PROBLEM:
The entries below contain a stretch that opens with the line containing "#140=IFCINDEXEDPOLYGONALFACE((2,33,35,4));" and closes with the line containing "#152=IFCINDEXEDPOLYGONALFACE((13,44,47,16));"; set down that stretch exactly, both ends included, and nothing else.

[[ INPUT FOR THIS TASK open ]]

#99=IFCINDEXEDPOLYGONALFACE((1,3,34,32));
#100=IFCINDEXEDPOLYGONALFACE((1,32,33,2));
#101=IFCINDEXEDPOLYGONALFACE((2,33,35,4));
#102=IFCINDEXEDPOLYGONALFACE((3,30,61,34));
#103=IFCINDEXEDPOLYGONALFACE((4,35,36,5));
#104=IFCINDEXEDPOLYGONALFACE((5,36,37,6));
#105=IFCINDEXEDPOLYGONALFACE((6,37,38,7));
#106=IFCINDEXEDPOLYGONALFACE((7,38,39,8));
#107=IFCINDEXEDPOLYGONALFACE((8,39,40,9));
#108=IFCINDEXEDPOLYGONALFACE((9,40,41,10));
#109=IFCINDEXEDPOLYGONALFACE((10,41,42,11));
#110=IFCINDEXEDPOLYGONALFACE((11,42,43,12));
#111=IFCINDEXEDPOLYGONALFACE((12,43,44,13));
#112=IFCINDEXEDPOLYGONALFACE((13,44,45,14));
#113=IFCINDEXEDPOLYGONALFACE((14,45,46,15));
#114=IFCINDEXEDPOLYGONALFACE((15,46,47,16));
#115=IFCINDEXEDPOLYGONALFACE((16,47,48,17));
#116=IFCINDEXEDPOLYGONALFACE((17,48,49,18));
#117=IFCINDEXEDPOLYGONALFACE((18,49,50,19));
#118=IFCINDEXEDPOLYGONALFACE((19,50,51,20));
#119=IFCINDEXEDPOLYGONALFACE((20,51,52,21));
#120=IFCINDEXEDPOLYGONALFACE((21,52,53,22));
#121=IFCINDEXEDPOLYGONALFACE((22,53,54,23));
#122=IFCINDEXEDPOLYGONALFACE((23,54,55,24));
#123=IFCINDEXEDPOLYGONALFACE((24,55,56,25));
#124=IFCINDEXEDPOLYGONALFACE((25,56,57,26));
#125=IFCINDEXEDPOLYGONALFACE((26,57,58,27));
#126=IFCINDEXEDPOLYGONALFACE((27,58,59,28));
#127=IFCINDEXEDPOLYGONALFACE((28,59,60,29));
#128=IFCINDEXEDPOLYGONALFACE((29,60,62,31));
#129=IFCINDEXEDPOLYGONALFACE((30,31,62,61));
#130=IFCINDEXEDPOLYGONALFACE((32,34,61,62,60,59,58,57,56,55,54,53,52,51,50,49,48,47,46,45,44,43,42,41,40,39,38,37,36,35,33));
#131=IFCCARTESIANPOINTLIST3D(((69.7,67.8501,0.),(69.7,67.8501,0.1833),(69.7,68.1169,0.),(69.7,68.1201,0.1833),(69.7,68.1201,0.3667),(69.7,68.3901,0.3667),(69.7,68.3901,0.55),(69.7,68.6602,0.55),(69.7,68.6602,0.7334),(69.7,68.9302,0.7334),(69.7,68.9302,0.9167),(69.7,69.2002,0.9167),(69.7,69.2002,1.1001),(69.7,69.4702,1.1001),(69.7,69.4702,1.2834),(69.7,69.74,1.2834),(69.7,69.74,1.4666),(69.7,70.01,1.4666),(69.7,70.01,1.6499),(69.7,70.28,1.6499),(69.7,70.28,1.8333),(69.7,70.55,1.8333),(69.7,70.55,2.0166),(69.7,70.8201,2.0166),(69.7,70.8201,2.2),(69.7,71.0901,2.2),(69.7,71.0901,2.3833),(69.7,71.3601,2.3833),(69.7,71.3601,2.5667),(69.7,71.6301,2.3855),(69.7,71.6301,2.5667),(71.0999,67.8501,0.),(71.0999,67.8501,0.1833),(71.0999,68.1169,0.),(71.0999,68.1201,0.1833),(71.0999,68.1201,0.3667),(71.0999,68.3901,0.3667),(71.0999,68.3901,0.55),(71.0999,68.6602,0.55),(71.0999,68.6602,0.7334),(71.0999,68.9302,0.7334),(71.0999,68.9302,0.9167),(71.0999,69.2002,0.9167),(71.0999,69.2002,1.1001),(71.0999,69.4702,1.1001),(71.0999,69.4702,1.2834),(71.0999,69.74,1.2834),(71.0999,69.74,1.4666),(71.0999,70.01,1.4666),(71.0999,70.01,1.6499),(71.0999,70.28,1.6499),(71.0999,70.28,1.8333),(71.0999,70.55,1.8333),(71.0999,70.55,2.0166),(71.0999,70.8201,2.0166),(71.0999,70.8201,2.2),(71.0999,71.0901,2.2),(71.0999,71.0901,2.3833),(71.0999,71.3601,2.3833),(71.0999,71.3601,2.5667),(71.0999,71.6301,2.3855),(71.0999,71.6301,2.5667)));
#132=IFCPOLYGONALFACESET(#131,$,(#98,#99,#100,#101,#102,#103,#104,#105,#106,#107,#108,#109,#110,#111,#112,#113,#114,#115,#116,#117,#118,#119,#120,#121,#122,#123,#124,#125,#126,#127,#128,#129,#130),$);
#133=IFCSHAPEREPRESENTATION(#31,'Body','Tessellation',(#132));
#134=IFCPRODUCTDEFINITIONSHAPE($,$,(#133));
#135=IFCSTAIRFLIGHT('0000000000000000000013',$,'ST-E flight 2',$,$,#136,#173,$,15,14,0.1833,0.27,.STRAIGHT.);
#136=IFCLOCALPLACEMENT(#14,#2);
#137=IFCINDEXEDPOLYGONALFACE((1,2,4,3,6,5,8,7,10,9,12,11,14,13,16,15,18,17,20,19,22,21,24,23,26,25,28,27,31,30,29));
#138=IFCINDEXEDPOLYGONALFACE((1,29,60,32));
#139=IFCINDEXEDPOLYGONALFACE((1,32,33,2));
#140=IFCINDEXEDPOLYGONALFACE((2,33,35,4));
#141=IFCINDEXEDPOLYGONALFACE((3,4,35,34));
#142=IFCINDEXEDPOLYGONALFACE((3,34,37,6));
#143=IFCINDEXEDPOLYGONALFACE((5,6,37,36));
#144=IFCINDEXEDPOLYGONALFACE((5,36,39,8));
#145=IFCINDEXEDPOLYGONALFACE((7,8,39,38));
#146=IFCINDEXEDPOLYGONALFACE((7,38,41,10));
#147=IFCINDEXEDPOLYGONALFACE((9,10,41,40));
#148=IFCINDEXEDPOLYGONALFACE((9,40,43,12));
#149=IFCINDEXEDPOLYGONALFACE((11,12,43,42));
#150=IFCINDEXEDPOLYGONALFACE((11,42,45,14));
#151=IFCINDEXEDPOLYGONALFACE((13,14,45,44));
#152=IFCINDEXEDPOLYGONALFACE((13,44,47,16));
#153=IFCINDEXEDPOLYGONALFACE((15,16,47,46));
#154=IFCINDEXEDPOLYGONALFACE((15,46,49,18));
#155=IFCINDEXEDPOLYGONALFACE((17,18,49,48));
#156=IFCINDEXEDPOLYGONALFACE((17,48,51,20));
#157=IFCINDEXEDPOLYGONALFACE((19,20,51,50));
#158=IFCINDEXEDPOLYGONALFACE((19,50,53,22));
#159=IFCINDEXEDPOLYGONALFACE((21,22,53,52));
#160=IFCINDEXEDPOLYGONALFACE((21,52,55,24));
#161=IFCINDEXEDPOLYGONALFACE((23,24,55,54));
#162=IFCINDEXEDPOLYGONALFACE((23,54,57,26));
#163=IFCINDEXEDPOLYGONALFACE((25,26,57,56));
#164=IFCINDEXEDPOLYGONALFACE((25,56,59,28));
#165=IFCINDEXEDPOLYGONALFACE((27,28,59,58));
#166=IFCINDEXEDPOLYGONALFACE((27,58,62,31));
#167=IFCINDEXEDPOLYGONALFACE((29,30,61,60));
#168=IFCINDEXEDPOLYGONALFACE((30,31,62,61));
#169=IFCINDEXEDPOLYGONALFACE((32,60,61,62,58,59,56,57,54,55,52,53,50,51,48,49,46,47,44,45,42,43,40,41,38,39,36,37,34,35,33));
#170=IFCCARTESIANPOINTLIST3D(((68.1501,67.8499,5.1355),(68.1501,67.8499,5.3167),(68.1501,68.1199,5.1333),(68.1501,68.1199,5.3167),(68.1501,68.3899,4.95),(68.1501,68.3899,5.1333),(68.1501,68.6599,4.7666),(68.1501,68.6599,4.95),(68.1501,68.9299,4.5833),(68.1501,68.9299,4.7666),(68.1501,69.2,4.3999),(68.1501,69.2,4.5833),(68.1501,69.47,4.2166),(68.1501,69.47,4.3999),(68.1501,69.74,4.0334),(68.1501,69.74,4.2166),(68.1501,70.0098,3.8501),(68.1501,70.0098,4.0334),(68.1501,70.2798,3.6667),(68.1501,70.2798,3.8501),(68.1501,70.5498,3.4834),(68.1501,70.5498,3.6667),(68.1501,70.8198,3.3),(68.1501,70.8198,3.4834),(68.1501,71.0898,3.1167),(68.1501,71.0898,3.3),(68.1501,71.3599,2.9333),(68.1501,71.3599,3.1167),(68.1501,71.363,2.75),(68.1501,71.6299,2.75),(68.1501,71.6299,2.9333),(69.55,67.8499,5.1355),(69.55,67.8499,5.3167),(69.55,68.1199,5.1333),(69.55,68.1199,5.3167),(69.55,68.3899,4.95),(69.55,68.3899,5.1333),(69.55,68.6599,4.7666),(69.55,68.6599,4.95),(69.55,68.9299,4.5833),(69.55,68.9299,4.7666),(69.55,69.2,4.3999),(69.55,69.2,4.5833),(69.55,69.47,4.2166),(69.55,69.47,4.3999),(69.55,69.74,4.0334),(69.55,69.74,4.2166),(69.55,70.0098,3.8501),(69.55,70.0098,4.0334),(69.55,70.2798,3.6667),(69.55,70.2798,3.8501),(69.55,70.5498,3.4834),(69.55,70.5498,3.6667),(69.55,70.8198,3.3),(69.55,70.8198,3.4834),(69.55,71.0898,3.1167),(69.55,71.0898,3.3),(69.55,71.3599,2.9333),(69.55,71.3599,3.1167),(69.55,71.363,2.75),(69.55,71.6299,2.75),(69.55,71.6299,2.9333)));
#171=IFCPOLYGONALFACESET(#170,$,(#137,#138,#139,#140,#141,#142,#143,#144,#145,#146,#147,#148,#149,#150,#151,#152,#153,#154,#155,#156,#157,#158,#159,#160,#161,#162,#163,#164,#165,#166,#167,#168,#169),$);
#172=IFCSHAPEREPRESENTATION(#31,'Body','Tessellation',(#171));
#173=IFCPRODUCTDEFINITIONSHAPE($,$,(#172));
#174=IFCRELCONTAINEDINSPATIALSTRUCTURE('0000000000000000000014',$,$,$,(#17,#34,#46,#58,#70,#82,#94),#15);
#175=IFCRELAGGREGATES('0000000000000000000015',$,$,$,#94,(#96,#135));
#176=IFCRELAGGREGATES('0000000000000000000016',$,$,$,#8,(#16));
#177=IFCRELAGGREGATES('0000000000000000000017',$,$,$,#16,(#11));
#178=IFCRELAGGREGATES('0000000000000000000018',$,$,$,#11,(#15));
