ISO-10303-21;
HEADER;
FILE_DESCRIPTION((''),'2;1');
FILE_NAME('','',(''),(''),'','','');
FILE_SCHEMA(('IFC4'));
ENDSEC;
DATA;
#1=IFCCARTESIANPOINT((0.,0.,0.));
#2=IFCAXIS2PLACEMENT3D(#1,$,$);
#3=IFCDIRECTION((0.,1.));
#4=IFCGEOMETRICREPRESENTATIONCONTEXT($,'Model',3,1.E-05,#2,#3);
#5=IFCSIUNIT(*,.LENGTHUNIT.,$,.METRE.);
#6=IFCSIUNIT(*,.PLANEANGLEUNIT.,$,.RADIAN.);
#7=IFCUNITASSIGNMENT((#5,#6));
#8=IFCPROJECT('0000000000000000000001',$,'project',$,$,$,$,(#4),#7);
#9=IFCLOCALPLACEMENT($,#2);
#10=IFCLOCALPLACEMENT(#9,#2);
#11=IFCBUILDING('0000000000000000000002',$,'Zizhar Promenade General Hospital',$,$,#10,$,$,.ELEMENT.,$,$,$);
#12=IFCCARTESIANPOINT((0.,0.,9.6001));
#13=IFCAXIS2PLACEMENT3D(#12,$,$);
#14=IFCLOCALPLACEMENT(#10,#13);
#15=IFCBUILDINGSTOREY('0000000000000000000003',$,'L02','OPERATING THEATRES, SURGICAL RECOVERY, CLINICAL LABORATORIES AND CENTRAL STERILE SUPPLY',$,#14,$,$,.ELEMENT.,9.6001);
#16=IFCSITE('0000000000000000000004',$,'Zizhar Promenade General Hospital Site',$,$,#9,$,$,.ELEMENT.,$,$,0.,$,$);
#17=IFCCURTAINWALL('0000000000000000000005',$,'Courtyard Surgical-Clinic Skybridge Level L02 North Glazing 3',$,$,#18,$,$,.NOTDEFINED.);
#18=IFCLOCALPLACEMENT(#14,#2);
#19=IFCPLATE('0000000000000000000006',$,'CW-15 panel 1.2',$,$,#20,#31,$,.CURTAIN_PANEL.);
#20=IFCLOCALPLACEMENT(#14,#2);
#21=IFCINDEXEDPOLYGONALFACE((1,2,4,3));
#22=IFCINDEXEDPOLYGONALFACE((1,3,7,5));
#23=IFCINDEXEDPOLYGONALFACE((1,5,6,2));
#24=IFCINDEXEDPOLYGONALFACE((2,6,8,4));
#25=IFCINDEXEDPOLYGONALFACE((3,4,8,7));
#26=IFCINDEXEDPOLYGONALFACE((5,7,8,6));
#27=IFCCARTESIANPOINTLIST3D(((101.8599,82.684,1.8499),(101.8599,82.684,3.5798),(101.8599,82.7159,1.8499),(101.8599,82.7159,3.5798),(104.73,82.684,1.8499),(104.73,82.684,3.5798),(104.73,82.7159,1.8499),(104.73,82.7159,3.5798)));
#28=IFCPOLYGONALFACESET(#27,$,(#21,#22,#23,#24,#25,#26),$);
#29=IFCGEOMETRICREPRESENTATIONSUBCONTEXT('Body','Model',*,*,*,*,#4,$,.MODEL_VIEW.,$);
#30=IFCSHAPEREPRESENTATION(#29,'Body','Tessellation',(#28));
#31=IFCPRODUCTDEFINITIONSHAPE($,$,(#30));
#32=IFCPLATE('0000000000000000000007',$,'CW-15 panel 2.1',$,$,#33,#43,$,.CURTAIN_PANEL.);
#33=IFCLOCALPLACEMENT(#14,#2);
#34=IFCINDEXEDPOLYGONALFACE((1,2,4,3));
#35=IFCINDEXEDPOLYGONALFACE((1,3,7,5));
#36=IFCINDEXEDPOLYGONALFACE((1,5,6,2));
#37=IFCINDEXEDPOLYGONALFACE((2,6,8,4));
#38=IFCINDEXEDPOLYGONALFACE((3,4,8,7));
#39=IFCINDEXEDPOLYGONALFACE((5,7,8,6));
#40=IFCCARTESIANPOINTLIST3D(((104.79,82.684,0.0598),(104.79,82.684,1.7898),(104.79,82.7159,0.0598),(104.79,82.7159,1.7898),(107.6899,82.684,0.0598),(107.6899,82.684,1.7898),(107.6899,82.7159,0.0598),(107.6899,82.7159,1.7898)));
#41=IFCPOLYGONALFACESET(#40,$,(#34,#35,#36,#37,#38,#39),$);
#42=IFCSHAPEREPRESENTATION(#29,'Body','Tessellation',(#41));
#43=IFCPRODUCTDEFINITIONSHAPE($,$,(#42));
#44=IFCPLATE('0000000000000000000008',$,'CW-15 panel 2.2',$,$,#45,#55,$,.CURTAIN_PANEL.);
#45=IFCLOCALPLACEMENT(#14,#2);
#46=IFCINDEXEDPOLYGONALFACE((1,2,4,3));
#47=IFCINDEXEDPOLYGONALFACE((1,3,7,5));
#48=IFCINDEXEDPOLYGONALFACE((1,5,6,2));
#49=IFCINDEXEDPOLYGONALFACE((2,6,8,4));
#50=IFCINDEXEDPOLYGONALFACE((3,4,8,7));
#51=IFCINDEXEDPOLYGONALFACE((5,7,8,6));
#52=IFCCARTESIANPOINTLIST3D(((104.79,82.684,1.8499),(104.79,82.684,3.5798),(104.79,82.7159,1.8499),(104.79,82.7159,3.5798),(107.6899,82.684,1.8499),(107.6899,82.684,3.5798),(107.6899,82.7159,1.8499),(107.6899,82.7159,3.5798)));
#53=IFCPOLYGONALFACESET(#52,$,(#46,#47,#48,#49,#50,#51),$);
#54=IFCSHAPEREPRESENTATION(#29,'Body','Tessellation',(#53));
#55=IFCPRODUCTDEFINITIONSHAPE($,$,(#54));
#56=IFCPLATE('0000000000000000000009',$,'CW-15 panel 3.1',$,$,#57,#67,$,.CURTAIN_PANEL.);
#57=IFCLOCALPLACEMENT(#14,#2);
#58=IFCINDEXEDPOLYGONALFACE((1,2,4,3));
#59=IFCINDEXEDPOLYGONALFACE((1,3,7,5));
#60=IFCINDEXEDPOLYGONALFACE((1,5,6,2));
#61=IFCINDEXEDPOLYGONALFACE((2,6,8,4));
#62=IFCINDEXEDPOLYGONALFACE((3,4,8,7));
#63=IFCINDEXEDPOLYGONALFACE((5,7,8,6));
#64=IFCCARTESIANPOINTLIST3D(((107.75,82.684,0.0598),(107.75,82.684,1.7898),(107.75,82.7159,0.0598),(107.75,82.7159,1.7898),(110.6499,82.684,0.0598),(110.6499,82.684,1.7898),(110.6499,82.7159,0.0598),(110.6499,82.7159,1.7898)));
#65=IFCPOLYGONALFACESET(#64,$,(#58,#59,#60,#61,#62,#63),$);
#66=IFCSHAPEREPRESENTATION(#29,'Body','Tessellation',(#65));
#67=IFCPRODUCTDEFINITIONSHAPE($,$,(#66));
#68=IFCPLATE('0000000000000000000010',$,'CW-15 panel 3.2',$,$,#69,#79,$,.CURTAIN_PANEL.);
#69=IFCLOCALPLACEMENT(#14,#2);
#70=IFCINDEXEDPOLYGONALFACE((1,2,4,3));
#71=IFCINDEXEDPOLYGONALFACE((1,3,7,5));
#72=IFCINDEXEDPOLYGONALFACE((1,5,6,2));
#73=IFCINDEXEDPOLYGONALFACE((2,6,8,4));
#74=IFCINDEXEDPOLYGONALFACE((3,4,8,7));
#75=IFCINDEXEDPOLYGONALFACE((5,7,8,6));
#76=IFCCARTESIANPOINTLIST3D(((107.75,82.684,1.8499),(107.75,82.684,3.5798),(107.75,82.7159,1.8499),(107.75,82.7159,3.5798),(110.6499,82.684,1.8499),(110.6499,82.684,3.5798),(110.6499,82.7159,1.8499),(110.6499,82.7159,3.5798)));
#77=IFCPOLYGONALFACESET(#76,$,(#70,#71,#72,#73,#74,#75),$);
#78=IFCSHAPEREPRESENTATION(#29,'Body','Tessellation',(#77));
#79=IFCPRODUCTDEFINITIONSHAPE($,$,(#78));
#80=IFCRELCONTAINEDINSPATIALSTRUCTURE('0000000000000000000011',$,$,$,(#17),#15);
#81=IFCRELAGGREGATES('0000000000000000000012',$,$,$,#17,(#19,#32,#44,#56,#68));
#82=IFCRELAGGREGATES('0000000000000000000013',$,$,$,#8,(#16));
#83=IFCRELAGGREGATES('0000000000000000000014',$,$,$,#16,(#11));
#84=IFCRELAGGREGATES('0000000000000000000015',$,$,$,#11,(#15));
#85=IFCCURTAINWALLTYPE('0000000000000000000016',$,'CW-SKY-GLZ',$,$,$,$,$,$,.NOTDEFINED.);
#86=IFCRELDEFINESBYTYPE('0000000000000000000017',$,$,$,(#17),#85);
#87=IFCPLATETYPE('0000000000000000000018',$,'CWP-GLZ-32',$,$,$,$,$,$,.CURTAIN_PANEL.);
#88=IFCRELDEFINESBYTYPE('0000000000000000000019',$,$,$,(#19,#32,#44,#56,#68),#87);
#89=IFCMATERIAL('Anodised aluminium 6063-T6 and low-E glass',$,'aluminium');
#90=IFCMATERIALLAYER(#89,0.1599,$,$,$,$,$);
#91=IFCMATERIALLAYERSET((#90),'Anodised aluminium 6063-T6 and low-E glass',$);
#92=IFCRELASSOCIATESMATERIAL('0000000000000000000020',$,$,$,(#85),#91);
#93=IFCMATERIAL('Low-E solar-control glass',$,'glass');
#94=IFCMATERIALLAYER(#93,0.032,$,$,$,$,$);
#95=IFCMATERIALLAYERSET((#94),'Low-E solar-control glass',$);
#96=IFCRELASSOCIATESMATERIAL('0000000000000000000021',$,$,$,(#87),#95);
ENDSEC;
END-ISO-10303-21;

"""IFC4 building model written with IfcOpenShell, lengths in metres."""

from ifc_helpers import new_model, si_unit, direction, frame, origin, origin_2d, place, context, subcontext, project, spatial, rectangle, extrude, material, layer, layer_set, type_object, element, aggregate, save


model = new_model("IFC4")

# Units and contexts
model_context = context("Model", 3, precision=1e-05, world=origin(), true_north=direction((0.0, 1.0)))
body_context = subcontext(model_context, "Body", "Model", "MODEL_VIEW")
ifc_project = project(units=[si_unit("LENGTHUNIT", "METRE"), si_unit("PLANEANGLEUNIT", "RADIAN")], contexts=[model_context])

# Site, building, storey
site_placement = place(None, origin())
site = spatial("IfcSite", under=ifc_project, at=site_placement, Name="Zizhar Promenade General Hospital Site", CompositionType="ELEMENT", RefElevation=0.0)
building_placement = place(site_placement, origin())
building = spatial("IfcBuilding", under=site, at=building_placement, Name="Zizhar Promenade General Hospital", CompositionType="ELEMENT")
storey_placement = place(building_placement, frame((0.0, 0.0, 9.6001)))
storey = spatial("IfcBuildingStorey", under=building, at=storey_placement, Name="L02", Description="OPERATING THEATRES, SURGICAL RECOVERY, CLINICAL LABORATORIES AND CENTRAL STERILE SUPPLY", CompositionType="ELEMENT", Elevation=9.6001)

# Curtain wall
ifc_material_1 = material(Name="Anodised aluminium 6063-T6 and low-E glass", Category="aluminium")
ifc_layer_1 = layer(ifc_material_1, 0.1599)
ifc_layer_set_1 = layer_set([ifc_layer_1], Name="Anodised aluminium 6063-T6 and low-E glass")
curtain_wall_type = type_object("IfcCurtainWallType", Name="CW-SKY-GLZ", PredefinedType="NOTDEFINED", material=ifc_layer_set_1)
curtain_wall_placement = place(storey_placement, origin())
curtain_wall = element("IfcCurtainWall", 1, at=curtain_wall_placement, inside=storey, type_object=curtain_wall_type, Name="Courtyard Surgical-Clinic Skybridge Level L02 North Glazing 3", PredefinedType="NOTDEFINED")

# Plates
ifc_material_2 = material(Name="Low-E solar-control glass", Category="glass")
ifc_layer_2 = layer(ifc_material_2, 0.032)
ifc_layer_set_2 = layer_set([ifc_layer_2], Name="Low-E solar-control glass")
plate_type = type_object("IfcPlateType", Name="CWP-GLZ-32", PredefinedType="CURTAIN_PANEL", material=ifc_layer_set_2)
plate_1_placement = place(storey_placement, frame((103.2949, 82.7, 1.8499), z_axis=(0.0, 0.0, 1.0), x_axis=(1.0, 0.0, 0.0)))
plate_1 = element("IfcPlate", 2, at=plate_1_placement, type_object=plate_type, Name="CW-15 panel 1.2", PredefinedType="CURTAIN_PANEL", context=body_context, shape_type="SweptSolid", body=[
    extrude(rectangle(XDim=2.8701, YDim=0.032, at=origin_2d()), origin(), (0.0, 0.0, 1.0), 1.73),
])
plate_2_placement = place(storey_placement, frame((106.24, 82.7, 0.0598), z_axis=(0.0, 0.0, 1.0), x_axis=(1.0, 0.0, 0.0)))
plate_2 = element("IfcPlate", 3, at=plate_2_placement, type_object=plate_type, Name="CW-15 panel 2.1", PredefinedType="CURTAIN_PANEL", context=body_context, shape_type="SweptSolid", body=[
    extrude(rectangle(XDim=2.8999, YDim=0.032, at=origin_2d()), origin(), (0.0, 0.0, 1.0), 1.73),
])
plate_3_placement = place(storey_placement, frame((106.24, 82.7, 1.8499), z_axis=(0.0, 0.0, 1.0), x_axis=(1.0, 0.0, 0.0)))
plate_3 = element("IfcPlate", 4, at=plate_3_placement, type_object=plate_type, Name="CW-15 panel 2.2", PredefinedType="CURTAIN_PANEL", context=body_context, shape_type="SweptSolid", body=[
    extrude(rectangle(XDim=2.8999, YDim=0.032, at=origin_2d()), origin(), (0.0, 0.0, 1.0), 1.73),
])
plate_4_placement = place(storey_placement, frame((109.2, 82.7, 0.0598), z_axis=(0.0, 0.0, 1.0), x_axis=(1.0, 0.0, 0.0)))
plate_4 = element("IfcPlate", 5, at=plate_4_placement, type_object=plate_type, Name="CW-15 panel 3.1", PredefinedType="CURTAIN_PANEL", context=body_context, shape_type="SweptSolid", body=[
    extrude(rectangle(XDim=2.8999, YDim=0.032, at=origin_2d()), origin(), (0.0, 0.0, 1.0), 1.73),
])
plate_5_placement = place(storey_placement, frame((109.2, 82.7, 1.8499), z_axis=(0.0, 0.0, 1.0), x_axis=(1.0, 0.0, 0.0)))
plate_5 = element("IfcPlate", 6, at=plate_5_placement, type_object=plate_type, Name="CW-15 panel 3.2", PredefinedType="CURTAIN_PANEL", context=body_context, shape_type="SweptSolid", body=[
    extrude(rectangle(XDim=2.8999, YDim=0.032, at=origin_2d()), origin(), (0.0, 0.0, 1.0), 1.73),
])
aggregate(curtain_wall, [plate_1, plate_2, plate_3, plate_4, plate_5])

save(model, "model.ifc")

[[ INPUT FOR THIS TASK closed ]]

COMPLETED EXERCISE:
#140=IFCINDEXEDPOLYGONALFACE((2,33,35,4));
#141=IFCINDEXEDPOLYGONALFACE((3,4,35,34));
#142=IFCINDEXEDPOLYGONALFACE((3,34,37,6));
#143=IFCINDEXEDPOLYGONALFACE((5,6,37,36));
#144=IFCINDEXEDPOLYGONALFACE((5,36,39,8));
#145=IFCINDEXEDPOLYGONALFACE((7,8,39,38));
#146=IFCINDEXEDPOLYGONALFACE((7,38,41,10));
#147=IFCINDEXEDPOLYGONALFACE((9,10,41,40));
#148=IFCINDEXEDPOLYGONALFACE((9,40,43,12));
#149=IFCINDEXEDPOLYGONALFACE((11,12,43,42));
#150=IFCINDEXEDPOLYGONALFACE((11,42,45,14));
#151=IFCINDEXEDPOLYGONALFACE((13,14,45,44));
#152=IFCINDEXEDPOLYGONALFACE((13,44,47,16));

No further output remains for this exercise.